* Instructions for the task *
When a line of the listing below has the string "Laminated" in it, copy that line.
== Data for this task
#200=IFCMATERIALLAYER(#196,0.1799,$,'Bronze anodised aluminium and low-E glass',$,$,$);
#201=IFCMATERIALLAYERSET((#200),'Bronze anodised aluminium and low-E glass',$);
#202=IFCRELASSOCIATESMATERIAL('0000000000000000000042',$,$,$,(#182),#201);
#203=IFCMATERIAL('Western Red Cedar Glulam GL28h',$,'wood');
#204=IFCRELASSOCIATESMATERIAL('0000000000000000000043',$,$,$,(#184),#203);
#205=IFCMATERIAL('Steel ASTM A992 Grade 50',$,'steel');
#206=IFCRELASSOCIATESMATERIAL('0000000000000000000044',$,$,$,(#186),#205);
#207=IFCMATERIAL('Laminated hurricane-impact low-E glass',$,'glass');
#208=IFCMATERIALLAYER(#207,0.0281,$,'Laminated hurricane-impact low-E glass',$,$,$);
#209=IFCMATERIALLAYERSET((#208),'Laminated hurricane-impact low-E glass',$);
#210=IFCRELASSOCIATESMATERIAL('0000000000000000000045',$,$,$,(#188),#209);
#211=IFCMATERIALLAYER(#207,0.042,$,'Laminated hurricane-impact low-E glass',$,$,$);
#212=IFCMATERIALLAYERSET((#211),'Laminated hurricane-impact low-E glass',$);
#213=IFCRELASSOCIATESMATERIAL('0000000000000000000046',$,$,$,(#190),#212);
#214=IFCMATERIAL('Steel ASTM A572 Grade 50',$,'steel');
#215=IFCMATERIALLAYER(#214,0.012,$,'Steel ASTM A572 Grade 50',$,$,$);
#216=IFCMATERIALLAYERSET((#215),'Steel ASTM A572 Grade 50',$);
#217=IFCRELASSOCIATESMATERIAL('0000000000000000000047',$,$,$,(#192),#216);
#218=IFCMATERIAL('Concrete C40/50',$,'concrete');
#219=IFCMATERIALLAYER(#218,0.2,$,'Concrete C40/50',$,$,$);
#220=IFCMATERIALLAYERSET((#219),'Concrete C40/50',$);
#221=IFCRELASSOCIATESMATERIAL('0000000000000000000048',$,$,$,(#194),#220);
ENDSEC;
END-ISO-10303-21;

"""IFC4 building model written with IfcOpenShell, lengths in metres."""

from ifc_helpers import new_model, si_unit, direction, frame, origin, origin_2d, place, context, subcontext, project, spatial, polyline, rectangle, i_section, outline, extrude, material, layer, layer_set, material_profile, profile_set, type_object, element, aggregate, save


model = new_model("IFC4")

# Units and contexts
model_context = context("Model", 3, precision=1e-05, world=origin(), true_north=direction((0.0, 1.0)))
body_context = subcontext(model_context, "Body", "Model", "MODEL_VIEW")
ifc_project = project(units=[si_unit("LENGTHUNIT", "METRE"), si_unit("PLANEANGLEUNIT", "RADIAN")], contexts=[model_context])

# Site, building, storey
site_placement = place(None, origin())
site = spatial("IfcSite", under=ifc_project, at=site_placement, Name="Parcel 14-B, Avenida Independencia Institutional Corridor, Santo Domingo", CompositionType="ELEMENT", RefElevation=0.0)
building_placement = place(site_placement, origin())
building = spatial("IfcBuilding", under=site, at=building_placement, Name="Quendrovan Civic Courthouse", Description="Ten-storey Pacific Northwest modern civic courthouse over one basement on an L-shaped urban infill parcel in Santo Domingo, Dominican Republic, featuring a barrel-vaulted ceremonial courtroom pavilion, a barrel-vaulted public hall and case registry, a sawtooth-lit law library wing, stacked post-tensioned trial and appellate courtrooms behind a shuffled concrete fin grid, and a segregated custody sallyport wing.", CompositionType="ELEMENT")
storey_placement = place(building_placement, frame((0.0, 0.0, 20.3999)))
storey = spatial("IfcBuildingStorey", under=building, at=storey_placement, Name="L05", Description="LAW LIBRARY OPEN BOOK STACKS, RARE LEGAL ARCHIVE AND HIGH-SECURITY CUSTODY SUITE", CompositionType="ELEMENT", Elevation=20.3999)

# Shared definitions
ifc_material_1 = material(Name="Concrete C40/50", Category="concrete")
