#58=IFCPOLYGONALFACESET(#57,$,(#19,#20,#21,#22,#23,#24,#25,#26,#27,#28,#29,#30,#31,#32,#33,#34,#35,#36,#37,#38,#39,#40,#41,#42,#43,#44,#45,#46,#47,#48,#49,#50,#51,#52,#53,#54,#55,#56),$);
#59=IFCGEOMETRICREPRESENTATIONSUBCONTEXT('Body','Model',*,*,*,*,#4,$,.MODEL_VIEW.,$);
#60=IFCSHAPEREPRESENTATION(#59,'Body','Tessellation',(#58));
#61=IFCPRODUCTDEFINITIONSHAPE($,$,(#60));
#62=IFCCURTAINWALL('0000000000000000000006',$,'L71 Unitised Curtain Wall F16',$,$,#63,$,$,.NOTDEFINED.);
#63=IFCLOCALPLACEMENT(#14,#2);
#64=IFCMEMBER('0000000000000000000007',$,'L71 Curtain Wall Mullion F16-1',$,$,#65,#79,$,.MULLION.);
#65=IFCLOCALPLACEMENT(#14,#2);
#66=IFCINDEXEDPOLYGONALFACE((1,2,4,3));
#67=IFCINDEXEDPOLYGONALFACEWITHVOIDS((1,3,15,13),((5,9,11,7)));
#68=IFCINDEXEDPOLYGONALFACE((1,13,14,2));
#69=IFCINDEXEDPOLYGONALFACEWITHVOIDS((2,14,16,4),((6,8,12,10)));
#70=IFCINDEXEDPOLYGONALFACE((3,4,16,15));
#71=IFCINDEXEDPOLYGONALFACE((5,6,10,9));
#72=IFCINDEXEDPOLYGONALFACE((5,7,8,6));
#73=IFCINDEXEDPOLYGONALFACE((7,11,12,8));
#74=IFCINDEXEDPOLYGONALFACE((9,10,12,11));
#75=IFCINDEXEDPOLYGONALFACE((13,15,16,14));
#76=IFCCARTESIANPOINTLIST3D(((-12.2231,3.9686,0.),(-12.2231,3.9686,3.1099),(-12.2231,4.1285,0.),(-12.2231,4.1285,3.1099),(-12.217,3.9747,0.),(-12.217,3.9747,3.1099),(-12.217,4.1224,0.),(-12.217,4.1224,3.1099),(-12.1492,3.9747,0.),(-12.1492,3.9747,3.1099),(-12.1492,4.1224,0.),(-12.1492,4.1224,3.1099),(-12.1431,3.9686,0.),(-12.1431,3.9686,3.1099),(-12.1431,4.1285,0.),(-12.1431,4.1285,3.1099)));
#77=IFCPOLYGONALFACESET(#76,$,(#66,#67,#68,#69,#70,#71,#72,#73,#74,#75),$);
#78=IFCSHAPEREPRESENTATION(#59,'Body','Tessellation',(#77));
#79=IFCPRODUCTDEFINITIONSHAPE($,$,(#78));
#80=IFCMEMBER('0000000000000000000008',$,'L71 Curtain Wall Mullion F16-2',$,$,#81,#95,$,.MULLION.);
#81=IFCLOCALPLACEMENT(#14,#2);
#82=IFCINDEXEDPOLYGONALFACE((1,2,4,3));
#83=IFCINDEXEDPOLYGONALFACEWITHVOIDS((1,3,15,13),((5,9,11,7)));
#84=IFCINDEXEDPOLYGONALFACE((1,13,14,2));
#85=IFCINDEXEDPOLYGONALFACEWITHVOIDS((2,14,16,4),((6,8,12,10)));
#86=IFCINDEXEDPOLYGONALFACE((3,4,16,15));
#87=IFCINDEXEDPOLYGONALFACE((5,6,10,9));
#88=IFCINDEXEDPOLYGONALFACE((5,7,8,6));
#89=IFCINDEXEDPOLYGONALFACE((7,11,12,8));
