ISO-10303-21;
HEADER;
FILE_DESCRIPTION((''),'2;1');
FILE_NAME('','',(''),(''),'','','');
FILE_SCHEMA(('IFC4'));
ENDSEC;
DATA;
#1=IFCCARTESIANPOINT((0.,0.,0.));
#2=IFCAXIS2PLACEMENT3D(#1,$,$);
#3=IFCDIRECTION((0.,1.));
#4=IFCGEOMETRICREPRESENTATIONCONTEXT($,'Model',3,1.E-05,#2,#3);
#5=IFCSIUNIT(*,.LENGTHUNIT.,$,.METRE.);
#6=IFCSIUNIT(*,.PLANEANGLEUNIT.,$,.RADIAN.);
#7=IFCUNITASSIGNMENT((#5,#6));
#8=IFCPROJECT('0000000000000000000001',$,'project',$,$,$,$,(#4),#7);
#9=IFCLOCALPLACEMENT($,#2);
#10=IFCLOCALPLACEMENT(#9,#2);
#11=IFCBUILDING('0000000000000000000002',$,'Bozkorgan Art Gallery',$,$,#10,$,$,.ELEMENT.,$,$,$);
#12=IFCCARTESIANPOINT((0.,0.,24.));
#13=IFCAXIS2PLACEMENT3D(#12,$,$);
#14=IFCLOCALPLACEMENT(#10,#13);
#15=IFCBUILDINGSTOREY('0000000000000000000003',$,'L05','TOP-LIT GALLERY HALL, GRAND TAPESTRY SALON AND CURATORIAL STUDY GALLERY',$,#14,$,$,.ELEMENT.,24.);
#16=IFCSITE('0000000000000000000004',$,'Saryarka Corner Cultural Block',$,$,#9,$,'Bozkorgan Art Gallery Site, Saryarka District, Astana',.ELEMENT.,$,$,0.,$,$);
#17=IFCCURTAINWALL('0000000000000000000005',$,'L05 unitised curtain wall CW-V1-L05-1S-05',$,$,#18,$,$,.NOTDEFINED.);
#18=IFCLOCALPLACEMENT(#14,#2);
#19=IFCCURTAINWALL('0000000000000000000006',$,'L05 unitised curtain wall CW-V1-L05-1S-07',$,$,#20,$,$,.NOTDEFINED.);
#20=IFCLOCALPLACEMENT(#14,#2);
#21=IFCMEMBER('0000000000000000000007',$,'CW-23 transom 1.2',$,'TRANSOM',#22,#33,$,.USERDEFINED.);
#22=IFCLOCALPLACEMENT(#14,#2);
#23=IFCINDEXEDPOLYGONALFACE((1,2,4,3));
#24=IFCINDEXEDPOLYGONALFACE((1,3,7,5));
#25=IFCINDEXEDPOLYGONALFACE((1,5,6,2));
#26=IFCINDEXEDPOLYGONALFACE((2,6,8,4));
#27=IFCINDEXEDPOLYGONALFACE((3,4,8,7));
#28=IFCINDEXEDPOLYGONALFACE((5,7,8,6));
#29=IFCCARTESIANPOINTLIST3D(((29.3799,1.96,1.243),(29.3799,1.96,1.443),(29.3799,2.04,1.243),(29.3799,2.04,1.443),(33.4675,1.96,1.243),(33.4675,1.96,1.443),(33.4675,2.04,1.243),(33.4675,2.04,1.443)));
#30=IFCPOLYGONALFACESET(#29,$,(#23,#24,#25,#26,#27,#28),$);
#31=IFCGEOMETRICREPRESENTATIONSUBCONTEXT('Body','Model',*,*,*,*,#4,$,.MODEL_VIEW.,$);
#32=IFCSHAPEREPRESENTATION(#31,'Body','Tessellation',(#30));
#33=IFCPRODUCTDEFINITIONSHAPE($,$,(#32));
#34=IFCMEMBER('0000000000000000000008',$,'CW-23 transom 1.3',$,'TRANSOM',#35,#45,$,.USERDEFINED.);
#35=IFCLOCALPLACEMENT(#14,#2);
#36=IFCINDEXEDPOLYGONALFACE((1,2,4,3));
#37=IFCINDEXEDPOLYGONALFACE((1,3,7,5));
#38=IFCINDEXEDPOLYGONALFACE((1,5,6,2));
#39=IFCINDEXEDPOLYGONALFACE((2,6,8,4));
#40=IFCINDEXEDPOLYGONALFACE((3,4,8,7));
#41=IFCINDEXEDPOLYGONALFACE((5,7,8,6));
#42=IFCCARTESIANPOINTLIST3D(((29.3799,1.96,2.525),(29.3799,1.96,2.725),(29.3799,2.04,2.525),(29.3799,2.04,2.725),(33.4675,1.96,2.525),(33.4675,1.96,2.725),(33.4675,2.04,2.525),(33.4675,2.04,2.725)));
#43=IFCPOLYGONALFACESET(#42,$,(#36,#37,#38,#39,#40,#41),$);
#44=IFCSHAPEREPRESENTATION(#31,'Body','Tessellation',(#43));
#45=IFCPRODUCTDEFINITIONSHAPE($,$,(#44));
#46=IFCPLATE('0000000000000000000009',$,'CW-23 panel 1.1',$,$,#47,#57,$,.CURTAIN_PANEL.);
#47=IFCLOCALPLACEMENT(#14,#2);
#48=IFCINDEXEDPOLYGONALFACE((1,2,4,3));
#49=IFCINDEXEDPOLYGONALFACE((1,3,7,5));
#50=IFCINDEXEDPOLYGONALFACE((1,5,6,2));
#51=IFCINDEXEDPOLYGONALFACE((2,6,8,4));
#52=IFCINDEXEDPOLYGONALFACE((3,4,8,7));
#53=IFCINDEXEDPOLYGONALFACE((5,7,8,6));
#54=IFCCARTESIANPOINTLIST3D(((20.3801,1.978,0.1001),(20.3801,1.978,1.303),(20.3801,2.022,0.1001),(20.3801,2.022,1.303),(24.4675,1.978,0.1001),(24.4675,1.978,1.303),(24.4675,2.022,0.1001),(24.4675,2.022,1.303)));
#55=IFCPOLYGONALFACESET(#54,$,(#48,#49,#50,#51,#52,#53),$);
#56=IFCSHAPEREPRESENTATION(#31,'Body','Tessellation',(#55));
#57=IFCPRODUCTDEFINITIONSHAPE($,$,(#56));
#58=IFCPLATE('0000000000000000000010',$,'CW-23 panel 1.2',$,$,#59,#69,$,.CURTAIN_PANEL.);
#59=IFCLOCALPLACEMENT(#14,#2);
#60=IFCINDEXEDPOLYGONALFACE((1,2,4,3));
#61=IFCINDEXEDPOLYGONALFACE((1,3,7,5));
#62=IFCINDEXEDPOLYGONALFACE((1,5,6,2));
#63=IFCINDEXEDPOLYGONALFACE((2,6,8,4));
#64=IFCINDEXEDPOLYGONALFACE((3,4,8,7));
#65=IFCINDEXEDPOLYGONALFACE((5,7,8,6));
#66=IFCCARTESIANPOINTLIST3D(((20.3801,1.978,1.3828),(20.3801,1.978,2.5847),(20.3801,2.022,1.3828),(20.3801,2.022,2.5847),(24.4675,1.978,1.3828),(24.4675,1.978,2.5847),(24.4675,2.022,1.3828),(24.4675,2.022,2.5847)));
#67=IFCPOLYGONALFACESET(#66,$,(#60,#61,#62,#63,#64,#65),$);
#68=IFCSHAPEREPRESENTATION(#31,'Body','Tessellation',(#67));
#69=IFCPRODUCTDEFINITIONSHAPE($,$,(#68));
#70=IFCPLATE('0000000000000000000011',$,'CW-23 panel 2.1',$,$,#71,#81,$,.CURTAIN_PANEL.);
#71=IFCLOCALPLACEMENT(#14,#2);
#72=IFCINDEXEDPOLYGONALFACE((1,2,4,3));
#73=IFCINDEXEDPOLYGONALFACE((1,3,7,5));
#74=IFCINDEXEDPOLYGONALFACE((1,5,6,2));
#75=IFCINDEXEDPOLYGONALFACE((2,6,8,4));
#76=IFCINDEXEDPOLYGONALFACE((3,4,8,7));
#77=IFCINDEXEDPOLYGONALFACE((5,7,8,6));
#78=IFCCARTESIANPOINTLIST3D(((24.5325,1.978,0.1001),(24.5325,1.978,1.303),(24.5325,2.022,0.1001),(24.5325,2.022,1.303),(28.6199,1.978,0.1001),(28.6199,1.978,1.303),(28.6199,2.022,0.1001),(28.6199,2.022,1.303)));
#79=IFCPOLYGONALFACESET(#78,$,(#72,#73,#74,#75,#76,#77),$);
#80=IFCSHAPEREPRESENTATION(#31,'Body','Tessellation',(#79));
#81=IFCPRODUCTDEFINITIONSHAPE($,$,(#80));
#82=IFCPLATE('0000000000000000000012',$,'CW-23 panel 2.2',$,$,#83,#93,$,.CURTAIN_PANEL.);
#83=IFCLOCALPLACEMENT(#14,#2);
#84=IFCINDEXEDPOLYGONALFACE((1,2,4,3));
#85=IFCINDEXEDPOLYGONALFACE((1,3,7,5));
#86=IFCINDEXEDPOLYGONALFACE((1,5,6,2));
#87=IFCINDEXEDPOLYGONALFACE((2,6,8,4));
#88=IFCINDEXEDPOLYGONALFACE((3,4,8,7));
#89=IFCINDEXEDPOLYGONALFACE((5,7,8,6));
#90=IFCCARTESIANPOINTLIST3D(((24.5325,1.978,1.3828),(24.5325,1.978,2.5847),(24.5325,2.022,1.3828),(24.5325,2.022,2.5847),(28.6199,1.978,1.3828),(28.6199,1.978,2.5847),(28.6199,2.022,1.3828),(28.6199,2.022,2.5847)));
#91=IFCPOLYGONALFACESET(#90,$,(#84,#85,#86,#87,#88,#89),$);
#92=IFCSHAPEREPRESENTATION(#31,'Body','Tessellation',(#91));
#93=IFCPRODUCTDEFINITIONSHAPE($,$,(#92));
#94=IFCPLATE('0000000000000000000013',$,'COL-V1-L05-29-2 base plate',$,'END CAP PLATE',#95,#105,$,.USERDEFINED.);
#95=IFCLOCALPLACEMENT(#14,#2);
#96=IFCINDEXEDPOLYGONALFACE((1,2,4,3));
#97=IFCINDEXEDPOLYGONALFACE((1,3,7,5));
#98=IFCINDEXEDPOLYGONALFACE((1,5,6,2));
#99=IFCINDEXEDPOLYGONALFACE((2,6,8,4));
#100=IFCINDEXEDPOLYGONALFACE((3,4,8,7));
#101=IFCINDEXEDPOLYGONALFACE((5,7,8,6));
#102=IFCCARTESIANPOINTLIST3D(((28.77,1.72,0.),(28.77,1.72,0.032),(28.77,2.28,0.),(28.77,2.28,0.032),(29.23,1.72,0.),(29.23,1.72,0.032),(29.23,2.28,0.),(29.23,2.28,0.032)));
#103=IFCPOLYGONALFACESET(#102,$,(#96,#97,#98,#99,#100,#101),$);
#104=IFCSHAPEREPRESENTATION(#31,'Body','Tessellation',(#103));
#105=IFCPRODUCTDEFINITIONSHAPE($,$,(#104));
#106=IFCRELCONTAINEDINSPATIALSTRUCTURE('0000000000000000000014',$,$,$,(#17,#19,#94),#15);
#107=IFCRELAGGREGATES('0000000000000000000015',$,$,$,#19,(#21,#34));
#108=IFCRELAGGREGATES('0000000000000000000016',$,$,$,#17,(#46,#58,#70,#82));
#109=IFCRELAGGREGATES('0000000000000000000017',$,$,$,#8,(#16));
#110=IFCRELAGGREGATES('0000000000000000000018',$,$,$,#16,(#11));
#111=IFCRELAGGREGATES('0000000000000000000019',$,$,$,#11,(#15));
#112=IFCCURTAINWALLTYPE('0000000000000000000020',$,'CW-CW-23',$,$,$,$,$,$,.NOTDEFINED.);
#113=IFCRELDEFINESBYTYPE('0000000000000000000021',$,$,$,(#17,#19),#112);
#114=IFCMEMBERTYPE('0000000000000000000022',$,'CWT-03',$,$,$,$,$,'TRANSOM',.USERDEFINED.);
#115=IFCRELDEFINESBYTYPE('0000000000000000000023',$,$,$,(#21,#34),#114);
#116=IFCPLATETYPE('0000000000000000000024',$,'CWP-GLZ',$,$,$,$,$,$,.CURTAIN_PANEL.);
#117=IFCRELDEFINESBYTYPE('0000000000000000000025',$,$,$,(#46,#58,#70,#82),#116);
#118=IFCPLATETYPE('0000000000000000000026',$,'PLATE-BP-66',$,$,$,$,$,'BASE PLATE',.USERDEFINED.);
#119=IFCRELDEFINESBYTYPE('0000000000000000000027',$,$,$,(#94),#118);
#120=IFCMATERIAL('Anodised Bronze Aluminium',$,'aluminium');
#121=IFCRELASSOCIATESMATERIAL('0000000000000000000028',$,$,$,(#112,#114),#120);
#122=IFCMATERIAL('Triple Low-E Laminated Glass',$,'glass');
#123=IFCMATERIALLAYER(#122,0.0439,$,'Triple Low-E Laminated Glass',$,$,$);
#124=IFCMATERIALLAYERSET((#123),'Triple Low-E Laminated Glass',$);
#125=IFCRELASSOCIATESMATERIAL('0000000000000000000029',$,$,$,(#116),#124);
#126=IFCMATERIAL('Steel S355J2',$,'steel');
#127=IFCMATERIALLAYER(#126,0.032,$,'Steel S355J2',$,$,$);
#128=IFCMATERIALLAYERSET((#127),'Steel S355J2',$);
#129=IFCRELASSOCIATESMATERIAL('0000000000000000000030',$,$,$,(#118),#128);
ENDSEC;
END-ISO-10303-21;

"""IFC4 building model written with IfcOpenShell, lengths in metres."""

from ifc_helpers import new_model, si_unit, direction, frame, origin, origin_2d, place, context, subcontext, project, spatial, rectangle, extrude, material, layer, layer_set, material_profile, profile_set, type_object, element, aggregate, save


model = new_model("IFC4")

# Units and contexts
model_context = context("Model", 3, precision=1e-05, world=origin(), true_north=direction((0.0, 1.0)))
body_context = subcontext(model_context, "Body", "Model", "MODEL_VIEW")
ifc_project = project(units=[si_unit("LENGTHUNIT", "METRE"), si_unit("PLANEANGLEUNIT", "RADIAN")], contexts=[model_context])

# Site, building, storey
site_placement = place(None, origin())
site = spatial("IfcSite", under=ifc_project, at=site_placement, Name="Saryarka Corner Cultural Block", LongName="Bozkorgan Art Gallery Site, Saryarka District, Astana", CompositionType="ELEMENT", RefElevation=0.0)
building_placement = place(site_placement, origin())
building = spatial("IfcBuilding", under=site, at=building_placement, Name="Bozkorgan Art Gallery", CompositionType="ELEMENT")
storey_placement = place(building_placement, frame((0.0, 0.0, 24.0)))
storey = spatial("IfcBuildingStorey", under=building, at=storey_placement, Name="L05", Description="TOP-LIT GALLERY HALL, GRAND TAPESTRY SALON AND CURATORIAL STUDY GALLERY", CompositionType="ELEMENT", Elevation=24.0)

# Shared definitions
ifc_material_1 = material(Name="Steel S355J2", Category="steel")

# Curtain wall
ifc_material_2 = material(Name="Anodised Bronze Aluminium", Category="aluminium")
curtain_wall_type = type_object("IfcCurtainWallType", Name="CW-CW-23", PredefinedType="NOTDEFINED", material=ifc_material_2)
curtain_wall_1_placement = place(storey_placement, origin())
curtain_wall_1 = element("IfcCurtainWall", 1, at=curtain_wall_1_placement, inside=storey, type_object=curtain_wall_type, Name="L05 unitised curtain wall CW-V1-L05-1S-05", PredefinedType="NOTDEFINED")

# Curtain wall
curtain_wall_2_placement = place(storey_placement, origin())
curtain_wall_2 = element("IfcCurtainWall", 2, at=curtain_wall_2_placement, inside=storey, type_object=curtain_wall_type, Name="L05 unitised curtain wall CW-V1-L05-1S-07", PredefinedType="NOTDEFINED")

# Members
ifc_material_profile_1 = material_profile(ifc_material_2, rectangle(XDim=0.0801, YDim=0.2, at=origin_2d()), Name="ALU TRANSOM 80x200")
ifc_profile_set_1 = profile_set([ifc_material_profile_1], Name="Anodised Bronze Aluminium")
member_type_1 = type_object("IfcMemberType", Name="CWT-03", ElementType="TRANSOM", PredefinedType="USERDEFINED", material=ifc_profile_set_1)
member_1_placement = place(storey_placement, frame((29.3799, 2.0, 1.343), z_axis=(1.0, 0.0, 0.0), x_axis=(0.0, 1.0, 0.0)))
member_1 = element("IfcMember", 3, at=member_1_placement, type_object=member_type_1, Name="CW-23 transom 1.2", ObjectType="TRANSOM", PredefinedType="USERDEFINED", context=body_context, shape_type="SweptSolid", body=[
    extrude(rectangle(XDim=0.0801, YDim=0.2, at=origin_2d()), origin(), (0.0, 0.0, 1.0), 4.0876),
])
member_2_placement = place(storey_placement, frame((29.3799, 2.0, 2.625), z_axis=(1.0, 0.0, 0.0), x_axis=(0.0, 1.0, 0.0)))
member_2 = element("IfcMember", 4, at=member_2_placement, type_object=member_type_1, Name="CW-23 transom 1.3", ObjectType="TRANSOM", PredefinedType="USERDEFINED", context=body_context, shape_type="SweptSolid", body=[
    extrude(rectangle(XDim=0.0801, YDim=0.2, at=origin_2d()), origin(), (0.0, 0.0, 1.0), 4.0876),
])
aggregate(curtain_wall_2, [member_1, member_2])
====
* Final answer *
#207=IFCMATERIAL('Laminated hurricane-impact low-E glass',$,'glass');
#208=IFCMATERIALLAYER(#207,0.0281,$,'Laminated hurricane-impact low-E glass',$,$,$);
#209=IFCMATERIALLAYERSET((#208),'Laminated hurricane-impact low-E glass',$);
#211=IFCMATERIALLAYER(#207,0.042,$,'Laminated hurricane-impact low-E glass',$,$,$);
#212=IFCMATERIALLAYERSET((#211),'Laminated hurricane-impact low-E glass',$);
#122=IFCMATERIAL('Triple Low-E Laminated Glass',$,'glass');
#123=IFCMATERIALLAYER(#122,0.0439,$,'Triple Low-E Laminated Glass',$,$,$);
#124=IFCMATERIALLAYERSET((#123),'Triple Low-E Laminated Glass',$);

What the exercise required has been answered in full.